WORK REQUEST: Read through the data, and wherever a line holds the word "Autoclaved", write that line out.

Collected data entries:
┌──
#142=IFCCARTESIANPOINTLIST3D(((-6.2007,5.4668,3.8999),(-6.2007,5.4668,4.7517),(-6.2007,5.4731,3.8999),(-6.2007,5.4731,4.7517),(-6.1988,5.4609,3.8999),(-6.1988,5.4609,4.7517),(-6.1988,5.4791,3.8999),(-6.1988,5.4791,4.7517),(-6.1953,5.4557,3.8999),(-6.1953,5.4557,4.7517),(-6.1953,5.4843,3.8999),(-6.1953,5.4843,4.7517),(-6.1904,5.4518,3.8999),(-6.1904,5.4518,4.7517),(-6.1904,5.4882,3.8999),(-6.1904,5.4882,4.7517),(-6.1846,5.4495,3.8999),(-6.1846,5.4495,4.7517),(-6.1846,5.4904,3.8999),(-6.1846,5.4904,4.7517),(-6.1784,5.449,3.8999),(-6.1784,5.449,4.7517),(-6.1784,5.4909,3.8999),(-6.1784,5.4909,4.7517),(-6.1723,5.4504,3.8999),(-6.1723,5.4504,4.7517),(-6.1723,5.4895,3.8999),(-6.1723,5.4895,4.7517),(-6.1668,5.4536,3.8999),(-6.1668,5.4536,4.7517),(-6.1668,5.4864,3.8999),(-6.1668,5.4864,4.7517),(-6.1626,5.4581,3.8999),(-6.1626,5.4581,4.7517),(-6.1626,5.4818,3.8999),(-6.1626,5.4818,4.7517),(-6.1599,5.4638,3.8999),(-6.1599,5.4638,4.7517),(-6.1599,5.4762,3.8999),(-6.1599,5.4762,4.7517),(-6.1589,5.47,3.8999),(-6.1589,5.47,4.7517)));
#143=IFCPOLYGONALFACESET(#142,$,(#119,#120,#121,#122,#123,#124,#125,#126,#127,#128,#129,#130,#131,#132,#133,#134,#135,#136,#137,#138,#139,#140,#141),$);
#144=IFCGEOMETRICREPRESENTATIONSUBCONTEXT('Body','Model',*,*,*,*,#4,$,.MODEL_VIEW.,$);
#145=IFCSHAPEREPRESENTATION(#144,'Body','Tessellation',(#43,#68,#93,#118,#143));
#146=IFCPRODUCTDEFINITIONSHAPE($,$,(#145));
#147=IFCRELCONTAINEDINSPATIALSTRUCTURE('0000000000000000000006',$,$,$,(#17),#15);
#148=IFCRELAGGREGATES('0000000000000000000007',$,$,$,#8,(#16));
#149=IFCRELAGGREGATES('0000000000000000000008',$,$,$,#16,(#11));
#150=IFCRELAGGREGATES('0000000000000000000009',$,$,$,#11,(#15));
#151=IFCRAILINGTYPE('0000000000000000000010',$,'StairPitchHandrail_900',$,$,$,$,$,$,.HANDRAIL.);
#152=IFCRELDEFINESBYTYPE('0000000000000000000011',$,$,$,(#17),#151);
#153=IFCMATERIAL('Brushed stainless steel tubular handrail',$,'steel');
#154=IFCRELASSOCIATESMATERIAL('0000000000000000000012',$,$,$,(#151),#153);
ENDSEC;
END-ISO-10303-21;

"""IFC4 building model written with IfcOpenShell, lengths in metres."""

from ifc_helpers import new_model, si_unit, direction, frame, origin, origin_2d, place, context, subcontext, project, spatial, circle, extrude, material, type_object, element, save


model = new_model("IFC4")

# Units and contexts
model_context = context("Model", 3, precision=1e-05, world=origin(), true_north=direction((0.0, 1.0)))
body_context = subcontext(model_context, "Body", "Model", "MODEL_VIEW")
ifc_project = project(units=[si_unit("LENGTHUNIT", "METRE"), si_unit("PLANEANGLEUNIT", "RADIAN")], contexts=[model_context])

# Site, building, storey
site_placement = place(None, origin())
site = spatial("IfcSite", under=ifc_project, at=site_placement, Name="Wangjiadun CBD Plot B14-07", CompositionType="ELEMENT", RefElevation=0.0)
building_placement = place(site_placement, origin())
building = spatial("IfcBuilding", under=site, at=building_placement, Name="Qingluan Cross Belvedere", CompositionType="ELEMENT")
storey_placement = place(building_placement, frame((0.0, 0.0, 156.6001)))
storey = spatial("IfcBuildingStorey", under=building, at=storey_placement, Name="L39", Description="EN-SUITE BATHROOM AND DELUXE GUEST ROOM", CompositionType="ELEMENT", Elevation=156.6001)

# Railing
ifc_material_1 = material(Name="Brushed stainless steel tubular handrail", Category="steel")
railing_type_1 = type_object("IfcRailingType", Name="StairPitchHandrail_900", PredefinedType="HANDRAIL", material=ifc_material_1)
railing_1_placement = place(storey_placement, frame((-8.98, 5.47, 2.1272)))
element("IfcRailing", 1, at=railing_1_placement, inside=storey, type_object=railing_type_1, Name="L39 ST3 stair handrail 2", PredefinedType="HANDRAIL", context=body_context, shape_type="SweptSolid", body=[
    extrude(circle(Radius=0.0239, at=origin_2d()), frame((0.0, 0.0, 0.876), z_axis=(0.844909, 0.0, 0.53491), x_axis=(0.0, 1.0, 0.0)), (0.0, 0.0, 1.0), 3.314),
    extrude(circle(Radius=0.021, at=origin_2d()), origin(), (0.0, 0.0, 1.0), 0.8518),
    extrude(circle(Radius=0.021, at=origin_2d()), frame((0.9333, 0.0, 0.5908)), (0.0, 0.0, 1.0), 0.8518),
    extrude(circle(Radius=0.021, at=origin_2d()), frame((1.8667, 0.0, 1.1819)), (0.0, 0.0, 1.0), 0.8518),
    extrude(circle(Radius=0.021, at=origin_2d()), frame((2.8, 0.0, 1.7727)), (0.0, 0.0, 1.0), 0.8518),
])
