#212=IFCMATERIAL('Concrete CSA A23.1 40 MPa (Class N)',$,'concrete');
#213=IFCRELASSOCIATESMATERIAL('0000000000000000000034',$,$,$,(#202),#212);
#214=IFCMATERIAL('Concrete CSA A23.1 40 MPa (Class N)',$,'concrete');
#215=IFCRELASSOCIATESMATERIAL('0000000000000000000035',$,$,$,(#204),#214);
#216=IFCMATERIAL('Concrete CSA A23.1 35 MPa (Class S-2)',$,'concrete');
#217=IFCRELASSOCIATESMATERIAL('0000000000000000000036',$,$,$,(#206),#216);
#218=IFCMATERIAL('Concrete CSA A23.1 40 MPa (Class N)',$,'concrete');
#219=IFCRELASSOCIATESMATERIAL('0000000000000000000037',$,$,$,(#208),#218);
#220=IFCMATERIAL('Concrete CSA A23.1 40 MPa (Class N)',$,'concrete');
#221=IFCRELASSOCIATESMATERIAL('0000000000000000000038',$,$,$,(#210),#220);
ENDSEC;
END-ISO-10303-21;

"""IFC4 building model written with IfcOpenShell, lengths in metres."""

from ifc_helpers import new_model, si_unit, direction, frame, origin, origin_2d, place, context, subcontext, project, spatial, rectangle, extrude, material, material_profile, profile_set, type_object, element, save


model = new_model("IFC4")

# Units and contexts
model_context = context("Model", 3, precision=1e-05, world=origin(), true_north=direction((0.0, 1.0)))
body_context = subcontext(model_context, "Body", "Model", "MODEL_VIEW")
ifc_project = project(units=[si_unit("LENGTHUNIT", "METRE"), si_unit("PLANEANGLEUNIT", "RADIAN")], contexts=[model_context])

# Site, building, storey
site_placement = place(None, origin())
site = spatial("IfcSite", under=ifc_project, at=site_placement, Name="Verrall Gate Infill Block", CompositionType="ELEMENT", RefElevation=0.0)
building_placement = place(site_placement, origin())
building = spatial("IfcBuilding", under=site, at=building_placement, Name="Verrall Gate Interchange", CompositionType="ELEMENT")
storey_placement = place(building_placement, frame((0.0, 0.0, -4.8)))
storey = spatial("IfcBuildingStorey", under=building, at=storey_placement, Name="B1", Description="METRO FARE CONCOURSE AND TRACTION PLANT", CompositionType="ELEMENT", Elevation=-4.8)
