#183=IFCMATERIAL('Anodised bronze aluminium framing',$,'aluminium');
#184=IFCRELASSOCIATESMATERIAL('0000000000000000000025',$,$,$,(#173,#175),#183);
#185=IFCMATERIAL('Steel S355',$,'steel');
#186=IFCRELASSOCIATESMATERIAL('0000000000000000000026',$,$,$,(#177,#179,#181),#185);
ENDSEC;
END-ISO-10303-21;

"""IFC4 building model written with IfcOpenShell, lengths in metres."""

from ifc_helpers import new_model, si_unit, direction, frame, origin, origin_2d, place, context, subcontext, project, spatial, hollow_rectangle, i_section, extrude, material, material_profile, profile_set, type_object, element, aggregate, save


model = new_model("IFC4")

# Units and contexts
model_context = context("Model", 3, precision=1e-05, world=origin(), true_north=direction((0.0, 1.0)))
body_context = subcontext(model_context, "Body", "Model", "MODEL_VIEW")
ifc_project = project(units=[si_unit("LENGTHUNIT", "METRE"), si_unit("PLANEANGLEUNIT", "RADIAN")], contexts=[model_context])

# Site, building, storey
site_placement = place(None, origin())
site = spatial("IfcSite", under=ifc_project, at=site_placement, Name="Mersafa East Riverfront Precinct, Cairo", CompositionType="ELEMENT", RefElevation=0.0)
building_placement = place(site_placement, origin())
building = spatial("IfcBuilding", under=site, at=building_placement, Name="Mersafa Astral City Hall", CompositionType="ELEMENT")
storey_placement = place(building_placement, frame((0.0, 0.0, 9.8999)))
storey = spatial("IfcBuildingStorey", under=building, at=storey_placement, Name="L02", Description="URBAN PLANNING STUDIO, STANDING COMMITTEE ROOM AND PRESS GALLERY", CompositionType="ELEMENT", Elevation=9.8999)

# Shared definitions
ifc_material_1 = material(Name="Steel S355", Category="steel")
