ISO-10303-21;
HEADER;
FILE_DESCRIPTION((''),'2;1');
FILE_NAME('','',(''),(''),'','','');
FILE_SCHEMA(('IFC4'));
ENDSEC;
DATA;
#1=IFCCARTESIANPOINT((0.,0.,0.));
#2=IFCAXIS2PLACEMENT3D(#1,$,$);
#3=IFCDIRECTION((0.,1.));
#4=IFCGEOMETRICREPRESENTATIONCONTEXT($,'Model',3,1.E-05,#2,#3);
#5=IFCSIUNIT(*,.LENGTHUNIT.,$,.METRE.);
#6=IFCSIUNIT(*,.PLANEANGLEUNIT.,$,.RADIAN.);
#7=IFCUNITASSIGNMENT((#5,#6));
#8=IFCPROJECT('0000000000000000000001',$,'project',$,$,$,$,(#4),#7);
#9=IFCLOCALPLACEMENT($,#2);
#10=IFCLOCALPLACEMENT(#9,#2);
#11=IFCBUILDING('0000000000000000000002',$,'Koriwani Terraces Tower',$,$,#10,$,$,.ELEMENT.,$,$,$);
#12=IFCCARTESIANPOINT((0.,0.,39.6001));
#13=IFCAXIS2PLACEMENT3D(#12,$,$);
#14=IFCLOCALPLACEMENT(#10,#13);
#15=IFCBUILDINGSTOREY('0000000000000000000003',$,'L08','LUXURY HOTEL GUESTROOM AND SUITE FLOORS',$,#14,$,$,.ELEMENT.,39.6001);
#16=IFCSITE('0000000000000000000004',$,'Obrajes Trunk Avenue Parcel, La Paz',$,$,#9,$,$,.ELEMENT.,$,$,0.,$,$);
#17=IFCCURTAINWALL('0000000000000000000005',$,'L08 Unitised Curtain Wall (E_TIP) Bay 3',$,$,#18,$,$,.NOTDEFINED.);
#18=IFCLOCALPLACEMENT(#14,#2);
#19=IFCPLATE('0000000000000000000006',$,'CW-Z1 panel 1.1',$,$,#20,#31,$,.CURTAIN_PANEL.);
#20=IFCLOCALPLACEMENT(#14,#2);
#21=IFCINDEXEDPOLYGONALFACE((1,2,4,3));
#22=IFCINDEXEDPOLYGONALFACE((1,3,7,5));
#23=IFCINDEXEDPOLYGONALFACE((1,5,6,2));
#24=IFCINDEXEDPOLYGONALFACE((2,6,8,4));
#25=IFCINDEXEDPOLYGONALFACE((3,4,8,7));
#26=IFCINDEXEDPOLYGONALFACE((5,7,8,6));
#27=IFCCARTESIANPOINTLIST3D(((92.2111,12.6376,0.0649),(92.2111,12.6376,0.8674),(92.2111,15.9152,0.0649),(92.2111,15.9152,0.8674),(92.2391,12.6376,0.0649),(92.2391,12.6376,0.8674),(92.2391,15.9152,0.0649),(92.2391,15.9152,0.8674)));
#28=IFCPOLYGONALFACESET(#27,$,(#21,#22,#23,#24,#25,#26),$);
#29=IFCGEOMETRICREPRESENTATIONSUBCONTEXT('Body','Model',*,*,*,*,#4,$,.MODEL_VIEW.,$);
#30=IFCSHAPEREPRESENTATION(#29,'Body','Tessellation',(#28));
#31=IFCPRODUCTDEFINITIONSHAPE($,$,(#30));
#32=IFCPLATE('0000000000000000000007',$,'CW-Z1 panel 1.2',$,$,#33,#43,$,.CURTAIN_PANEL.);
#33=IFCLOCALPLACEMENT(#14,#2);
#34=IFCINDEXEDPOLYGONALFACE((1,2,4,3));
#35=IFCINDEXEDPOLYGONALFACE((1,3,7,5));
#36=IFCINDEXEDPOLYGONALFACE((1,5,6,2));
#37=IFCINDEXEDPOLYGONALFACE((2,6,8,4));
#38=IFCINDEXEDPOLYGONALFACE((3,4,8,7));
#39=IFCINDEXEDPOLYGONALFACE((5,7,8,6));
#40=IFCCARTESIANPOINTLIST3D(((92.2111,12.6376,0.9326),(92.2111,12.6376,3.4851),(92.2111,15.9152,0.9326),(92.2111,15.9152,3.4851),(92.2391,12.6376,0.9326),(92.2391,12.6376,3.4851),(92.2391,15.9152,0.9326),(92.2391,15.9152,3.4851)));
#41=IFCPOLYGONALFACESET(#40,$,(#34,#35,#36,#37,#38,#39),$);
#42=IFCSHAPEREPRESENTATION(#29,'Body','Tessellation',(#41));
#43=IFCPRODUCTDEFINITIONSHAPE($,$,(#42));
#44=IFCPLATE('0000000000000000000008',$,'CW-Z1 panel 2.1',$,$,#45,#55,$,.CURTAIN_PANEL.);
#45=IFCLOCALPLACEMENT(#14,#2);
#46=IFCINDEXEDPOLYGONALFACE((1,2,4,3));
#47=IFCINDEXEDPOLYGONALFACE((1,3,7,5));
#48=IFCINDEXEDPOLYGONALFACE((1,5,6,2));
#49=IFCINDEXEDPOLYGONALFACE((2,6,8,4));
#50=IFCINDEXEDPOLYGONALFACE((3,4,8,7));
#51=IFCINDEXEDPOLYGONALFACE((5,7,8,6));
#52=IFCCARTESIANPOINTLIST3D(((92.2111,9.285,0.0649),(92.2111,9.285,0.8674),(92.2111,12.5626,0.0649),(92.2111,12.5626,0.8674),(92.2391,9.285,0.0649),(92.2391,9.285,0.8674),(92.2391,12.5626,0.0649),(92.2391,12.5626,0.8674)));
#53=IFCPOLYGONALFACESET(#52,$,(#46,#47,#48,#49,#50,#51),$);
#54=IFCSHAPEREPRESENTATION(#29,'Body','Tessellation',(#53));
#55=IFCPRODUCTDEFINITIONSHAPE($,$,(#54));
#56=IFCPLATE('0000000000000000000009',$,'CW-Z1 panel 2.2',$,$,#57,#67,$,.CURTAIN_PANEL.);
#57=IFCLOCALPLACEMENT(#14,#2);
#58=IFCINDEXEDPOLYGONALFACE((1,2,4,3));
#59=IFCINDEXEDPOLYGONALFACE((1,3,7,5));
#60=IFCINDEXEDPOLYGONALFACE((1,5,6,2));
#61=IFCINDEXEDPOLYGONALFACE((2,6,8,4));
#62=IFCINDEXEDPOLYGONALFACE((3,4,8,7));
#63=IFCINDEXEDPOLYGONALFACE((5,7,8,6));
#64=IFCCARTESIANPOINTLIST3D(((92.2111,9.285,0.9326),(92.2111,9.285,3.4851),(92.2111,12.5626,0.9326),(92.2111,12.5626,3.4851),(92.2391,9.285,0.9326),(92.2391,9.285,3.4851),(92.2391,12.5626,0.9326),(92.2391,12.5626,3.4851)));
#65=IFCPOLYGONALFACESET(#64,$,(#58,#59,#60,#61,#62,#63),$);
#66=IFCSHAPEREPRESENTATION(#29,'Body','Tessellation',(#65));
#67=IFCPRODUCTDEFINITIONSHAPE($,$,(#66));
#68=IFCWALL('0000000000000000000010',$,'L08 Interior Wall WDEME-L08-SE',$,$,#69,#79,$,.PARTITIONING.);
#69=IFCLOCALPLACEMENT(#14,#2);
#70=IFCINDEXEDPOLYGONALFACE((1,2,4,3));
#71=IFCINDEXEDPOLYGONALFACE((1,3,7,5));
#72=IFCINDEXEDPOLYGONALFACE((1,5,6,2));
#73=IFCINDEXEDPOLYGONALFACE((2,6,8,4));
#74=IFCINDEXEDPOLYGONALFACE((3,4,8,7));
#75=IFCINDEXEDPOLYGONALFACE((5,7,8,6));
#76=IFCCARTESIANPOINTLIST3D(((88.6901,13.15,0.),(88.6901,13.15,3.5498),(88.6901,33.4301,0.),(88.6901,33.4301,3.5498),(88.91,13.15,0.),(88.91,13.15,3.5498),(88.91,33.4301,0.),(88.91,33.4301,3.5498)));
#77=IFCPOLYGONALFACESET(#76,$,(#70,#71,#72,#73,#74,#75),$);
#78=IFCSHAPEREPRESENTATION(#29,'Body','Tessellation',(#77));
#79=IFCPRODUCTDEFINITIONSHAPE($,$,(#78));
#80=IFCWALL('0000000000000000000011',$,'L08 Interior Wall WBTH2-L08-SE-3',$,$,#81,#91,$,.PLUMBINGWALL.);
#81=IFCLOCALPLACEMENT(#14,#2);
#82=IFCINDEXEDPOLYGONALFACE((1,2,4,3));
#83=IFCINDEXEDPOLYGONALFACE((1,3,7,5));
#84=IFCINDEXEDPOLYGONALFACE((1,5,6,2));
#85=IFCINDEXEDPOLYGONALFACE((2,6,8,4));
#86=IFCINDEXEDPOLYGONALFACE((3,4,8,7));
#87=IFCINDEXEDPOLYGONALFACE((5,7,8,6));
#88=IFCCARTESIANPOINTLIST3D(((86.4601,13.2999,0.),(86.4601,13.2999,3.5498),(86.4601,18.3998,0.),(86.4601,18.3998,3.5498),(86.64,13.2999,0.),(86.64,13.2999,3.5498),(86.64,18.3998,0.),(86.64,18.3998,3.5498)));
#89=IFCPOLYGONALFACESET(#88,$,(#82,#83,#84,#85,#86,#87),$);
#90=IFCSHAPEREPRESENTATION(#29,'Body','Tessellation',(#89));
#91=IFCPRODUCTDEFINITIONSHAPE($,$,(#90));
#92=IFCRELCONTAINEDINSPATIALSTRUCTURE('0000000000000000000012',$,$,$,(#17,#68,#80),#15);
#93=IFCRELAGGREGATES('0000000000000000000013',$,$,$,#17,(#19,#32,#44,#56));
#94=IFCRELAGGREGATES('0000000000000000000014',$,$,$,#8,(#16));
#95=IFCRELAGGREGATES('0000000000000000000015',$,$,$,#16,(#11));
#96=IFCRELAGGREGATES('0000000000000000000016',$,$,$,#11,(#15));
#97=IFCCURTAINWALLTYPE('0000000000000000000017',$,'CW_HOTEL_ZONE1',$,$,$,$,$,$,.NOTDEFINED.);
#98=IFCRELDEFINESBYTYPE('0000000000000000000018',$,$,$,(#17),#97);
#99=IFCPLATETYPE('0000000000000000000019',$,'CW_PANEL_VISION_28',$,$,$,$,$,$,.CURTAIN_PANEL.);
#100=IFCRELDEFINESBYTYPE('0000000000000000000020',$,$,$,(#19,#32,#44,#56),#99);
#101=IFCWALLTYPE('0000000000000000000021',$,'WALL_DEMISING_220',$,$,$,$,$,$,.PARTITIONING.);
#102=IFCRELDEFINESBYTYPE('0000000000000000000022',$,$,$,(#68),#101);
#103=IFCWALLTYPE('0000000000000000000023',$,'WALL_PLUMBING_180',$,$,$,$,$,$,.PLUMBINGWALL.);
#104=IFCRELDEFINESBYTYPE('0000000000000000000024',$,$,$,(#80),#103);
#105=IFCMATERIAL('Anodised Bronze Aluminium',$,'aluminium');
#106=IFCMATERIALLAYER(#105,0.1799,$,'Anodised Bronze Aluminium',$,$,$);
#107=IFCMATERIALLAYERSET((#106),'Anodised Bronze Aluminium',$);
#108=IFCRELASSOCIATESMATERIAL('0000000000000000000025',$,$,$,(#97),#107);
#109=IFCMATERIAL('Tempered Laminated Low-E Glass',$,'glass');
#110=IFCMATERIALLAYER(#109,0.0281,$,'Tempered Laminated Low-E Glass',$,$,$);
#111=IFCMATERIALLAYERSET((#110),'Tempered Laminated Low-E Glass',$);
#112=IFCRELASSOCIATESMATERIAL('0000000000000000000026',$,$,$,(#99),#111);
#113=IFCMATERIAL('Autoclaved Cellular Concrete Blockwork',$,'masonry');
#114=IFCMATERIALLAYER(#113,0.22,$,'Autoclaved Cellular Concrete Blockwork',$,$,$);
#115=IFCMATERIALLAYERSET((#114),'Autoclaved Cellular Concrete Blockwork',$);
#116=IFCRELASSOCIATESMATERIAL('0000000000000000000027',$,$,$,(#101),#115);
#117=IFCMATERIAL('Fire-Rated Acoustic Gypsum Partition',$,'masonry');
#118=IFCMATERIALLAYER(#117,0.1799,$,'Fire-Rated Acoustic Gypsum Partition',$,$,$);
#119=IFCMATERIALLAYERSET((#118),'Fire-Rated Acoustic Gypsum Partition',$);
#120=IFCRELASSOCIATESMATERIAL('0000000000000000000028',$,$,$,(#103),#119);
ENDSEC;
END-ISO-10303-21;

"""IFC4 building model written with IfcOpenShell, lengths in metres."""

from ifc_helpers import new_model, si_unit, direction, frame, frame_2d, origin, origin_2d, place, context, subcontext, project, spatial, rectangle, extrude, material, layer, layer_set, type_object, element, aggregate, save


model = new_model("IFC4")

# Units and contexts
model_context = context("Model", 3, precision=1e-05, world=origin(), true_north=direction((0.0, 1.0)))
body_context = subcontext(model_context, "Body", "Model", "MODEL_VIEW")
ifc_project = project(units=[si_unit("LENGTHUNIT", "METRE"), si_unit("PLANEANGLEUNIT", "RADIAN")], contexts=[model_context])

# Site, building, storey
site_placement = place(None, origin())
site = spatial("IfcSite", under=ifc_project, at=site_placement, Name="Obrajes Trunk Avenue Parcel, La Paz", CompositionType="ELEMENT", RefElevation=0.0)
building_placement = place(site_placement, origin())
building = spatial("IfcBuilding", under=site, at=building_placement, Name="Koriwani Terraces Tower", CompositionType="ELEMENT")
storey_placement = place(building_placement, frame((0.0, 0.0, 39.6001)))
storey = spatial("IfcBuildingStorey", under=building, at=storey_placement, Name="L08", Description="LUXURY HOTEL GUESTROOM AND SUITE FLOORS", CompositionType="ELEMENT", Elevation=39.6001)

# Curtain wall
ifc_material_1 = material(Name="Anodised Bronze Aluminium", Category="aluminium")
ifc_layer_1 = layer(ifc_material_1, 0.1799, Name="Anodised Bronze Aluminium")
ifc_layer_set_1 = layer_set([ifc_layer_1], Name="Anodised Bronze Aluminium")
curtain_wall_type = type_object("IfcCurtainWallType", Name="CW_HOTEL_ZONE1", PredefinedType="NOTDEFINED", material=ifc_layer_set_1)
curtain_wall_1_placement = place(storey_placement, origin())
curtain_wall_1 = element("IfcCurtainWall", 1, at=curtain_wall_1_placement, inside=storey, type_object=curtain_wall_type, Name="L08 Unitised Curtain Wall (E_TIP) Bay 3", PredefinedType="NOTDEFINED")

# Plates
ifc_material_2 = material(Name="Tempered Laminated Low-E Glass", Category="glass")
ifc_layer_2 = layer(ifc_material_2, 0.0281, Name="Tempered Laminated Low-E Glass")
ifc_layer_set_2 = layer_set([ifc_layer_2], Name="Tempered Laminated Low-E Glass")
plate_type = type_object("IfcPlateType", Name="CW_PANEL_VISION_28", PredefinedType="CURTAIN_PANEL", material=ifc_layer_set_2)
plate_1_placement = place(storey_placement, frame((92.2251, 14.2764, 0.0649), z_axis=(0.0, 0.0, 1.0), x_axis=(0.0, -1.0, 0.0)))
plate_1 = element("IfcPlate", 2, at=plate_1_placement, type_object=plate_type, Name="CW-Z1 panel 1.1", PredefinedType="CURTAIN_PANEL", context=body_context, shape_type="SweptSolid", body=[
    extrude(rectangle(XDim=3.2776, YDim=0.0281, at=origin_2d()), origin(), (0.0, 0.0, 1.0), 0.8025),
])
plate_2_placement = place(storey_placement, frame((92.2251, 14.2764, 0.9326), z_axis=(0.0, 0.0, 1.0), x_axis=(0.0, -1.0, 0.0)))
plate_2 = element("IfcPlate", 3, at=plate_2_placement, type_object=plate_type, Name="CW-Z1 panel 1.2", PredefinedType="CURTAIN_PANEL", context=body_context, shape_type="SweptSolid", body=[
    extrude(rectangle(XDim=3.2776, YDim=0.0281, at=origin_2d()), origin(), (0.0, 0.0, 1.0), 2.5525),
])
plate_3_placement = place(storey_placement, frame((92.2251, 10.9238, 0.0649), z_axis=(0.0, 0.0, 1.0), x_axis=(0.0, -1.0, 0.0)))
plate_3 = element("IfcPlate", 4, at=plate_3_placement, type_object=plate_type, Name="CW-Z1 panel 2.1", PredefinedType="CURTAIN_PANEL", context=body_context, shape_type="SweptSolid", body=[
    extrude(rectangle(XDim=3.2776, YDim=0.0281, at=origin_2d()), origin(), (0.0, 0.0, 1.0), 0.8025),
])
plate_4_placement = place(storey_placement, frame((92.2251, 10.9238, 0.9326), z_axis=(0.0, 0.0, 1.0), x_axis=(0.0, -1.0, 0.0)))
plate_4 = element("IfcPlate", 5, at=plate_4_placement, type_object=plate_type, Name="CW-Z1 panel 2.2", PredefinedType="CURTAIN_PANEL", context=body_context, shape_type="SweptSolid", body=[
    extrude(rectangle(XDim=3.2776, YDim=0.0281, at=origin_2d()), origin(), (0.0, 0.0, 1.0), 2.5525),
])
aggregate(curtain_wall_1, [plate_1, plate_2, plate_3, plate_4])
└──
RESPONSE AREA:
#113=IFCMATERIAL('Autoclaved Cellular Concrete Blockwork',$,'masonry');
#114=IFCMATERIALLAYER(#113,0.22,$,'Autoclaved Cellular Concrete Blockwork',$,$,$);
#115=IFCMATERIALLAYERSET((#114),'Autoclaved Cellular Concrete Blockwork',$);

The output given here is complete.